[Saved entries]
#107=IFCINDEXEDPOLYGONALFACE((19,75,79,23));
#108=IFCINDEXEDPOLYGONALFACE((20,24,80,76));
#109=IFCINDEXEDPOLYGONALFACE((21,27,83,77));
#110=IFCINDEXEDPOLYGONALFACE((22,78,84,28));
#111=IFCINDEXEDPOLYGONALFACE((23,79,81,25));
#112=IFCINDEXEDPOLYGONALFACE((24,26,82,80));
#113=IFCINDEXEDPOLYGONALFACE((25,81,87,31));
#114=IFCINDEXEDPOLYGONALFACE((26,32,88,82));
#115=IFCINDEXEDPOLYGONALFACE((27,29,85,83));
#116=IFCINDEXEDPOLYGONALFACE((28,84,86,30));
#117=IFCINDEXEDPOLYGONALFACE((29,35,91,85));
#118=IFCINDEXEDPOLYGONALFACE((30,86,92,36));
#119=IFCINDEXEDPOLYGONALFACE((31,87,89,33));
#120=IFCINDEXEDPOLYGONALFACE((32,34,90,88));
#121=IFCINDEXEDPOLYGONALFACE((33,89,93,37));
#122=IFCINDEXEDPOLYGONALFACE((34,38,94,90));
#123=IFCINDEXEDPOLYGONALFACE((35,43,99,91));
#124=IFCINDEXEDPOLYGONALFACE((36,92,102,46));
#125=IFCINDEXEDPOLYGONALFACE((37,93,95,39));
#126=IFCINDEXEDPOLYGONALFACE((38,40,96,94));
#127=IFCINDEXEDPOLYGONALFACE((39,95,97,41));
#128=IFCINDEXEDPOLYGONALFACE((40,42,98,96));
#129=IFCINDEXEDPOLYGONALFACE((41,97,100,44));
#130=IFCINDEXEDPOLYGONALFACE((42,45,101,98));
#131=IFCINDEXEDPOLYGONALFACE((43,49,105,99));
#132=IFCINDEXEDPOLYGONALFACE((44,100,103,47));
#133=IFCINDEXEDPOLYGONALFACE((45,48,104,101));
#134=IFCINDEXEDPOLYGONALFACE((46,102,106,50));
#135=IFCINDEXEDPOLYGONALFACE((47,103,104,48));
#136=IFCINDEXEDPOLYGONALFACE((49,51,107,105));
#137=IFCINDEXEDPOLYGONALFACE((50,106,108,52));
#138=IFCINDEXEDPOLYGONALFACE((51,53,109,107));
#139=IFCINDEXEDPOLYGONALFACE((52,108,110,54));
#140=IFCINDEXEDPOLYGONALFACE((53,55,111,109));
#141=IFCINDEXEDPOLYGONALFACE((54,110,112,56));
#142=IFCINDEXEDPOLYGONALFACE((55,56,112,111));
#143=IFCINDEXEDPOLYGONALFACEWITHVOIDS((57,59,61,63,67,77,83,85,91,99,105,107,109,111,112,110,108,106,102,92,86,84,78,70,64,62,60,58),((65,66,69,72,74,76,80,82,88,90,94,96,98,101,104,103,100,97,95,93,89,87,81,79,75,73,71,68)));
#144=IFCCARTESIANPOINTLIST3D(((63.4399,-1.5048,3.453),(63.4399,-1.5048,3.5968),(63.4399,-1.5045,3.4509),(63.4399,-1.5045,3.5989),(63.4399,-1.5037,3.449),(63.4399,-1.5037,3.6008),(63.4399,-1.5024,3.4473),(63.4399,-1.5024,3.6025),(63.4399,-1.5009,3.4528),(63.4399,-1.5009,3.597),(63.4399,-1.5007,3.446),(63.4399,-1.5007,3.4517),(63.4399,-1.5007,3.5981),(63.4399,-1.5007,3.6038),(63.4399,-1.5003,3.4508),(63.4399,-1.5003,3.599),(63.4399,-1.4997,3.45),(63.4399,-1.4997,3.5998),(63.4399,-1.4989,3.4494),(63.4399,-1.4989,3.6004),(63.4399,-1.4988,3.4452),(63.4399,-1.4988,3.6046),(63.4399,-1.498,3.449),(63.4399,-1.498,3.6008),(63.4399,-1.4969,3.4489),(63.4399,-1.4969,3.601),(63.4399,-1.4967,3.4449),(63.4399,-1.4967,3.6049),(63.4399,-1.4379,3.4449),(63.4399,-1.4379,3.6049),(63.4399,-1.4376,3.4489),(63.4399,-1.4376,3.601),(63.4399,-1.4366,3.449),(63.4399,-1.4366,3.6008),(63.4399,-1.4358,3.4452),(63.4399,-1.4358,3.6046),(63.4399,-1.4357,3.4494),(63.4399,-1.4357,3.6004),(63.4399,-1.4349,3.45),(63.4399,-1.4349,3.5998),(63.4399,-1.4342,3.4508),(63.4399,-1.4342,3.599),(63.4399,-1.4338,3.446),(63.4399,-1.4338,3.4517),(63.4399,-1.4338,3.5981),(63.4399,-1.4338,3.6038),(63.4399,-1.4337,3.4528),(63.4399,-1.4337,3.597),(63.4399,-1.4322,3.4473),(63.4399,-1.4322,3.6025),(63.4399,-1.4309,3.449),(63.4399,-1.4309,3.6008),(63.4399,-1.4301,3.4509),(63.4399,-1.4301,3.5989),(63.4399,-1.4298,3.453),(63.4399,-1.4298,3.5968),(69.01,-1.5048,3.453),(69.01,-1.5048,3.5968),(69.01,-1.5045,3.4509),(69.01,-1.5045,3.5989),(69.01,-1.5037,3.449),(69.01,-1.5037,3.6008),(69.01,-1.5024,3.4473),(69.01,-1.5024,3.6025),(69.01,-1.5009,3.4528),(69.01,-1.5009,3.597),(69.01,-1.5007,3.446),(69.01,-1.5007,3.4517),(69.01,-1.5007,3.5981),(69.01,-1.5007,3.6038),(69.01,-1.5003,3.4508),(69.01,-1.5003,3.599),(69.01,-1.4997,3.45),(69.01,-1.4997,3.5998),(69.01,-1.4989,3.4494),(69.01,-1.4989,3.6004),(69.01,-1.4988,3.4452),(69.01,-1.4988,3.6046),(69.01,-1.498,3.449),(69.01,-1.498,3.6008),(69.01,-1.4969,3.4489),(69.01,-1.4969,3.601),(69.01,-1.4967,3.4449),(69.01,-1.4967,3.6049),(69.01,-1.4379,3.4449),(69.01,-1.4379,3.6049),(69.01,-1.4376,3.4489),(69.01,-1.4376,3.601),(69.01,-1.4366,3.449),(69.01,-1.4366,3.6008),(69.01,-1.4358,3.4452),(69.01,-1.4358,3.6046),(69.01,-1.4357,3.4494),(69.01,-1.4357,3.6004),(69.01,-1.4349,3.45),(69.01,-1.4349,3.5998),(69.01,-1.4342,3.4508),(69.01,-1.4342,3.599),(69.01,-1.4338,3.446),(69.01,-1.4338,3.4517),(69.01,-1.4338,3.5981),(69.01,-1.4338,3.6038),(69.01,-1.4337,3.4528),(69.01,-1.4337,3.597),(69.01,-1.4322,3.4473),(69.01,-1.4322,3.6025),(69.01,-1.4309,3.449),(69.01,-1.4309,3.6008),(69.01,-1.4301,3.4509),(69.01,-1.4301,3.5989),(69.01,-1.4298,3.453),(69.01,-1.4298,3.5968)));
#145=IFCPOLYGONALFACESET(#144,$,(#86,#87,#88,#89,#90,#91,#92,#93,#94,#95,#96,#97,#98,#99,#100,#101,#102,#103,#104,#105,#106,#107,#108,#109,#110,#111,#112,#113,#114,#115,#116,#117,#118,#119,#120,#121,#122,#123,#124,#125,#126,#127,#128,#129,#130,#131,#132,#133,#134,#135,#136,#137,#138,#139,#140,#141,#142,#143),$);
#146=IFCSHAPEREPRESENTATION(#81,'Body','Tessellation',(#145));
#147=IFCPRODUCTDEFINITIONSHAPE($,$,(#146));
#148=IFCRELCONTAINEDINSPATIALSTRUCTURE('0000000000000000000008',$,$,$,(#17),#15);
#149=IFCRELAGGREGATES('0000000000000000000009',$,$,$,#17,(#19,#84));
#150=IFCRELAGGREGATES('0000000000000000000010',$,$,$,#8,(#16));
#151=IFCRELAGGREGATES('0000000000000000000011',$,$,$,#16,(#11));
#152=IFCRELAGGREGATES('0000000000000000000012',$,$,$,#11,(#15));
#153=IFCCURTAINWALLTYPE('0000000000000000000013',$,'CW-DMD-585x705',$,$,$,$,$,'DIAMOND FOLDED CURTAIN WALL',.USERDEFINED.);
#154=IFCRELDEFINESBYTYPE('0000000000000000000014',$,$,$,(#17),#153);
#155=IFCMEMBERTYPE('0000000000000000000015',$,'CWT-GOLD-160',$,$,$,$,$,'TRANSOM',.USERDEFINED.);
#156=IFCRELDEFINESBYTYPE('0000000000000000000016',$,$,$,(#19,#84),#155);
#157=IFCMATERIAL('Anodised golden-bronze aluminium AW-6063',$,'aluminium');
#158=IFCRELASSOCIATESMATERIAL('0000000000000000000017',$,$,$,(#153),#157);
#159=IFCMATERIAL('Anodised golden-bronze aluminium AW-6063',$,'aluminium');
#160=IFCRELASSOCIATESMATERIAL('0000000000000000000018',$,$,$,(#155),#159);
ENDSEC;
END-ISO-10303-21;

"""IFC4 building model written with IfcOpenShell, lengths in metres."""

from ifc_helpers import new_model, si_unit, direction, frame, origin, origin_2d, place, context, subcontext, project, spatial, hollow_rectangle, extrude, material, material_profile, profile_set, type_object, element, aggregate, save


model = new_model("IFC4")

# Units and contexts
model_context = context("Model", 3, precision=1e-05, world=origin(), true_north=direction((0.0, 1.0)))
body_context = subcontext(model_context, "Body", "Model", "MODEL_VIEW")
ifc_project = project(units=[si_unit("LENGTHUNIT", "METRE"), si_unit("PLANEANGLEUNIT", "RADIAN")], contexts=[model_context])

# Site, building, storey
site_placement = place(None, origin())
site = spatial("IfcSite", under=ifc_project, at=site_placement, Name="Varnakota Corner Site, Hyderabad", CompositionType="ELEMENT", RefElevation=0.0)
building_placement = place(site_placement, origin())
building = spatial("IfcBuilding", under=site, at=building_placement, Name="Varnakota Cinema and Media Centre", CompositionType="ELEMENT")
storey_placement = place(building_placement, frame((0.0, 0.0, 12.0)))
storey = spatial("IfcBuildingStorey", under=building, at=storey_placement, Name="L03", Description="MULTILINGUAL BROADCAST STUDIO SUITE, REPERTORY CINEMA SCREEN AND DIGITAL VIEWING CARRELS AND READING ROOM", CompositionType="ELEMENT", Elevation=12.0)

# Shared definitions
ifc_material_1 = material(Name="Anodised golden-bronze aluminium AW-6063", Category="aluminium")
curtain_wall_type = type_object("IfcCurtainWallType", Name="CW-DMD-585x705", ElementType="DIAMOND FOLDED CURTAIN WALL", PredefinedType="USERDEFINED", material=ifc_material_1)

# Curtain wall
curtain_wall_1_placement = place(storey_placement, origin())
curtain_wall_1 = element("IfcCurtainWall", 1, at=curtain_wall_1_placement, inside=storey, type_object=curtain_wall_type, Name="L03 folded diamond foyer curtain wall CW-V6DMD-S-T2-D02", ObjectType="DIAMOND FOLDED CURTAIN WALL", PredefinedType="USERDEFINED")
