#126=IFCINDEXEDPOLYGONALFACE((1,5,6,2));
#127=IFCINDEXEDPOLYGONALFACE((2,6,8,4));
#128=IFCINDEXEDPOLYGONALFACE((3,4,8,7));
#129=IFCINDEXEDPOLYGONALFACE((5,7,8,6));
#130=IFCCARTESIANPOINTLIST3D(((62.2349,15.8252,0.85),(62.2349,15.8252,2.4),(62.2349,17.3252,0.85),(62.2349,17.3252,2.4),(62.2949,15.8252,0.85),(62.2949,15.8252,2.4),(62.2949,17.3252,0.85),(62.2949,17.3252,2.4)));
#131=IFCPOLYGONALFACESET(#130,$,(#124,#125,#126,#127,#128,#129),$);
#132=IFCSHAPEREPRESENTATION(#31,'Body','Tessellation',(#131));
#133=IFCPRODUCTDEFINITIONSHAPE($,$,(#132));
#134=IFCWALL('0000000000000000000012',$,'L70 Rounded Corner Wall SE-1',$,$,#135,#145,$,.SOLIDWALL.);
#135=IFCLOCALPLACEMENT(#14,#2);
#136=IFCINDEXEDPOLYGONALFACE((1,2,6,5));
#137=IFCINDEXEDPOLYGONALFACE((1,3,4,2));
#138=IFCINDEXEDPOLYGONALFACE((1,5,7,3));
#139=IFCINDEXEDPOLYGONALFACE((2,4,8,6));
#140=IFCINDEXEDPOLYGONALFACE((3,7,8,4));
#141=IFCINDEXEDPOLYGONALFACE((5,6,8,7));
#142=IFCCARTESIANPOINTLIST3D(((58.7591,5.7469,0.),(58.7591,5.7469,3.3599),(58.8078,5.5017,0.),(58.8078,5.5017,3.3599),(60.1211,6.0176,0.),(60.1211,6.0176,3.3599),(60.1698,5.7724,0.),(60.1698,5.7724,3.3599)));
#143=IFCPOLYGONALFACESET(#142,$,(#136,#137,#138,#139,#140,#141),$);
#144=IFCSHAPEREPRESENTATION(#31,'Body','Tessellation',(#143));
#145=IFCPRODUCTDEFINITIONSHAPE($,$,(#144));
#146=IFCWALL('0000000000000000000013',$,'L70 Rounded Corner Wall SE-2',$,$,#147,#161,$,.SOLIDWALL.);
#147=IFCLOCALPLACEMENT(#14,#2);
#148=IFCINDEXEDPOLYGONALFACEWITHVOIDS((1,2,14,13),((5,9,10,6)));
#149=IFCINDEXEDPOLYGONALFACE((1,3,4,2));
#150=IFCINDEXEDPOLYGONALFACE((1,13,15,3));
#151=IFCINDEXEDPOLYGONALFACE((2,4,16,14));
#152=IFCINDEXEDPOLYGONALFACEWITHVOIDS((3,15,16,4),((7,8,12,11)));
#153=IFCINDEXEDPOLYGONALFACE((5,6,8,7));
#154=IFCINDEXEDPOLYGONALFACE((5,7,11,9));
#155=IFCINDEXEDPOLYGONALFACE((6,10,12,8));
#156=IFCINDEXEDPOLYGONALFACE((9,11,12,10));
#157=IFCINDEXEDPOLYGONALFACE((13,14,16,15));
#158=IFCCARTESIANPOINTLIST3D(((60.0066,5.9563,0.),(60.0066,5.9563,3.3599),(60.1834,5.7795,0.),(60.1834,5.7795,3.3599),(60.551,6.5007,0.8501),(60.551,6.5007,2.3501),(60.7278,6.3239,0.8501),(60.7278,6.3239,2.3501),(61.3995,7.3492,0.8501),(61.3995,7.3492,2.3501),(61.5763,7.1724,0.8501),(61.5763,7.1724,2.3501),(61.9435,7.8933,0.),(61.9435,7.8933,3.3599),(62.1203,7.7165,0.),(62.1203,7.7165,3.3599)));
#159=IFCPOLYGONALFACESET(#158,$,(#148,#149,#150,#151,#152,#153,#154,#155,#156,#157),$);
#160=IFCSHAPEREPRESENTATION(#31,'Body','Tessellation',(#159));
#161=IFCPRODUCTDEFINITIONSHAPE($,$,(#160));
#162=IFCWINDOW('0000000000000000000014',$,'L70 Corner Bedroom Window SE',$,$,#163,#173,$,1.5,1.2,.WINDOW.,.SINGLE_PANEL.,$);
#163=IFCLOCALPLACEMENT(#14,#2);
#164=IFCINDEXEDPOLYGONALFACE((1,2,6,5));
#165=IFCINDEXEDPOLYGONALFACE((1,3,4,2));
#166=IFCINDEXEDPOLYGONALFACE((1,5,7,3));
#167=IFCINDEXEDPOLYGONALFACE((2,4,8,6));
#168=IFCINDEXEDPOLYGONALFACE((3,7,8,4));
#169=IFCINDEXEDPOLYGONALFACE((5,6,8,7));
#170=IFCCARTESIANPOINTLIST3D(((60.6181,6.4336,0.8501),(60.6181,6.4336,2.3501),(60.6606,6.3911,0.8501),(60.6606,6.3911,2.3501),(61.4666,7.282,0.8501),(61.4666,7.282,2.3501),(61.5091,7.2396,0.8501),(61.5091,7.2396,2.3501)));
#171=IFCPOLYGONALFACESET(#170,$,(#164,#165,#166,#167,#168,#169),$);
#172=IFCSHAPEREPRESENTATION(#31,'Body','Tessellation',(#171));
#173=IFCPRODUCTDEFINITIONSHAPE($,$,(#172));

*Work task:* What lines in the data above contain the word "CompositionType"? Copy them all.

*Task output:*
site = spatial("IfcSite", under=ifc_project, at=site_placement, Name="Varnakota Corner Site, Hyderabad", CompositionType="ELEMENT", RefElevation=0.0)
building = spatial("IfcBuilding", under=site, at=building_placement, Name="Varnakota Cinema and Media Centre", CompositionType="ELEMENT")
storey = spatial("IfcBuildingStorey", under=building, at=storey_placement, Name="L03", Description="MULTILINGUAL BROADCAST STUDIO SUITE, REPERTORY CINEMA SCREEN AND DIGITAL VIEWING CARRELS AND READING ROOM", CompositionType="ELEMENT", Elevation=12.0)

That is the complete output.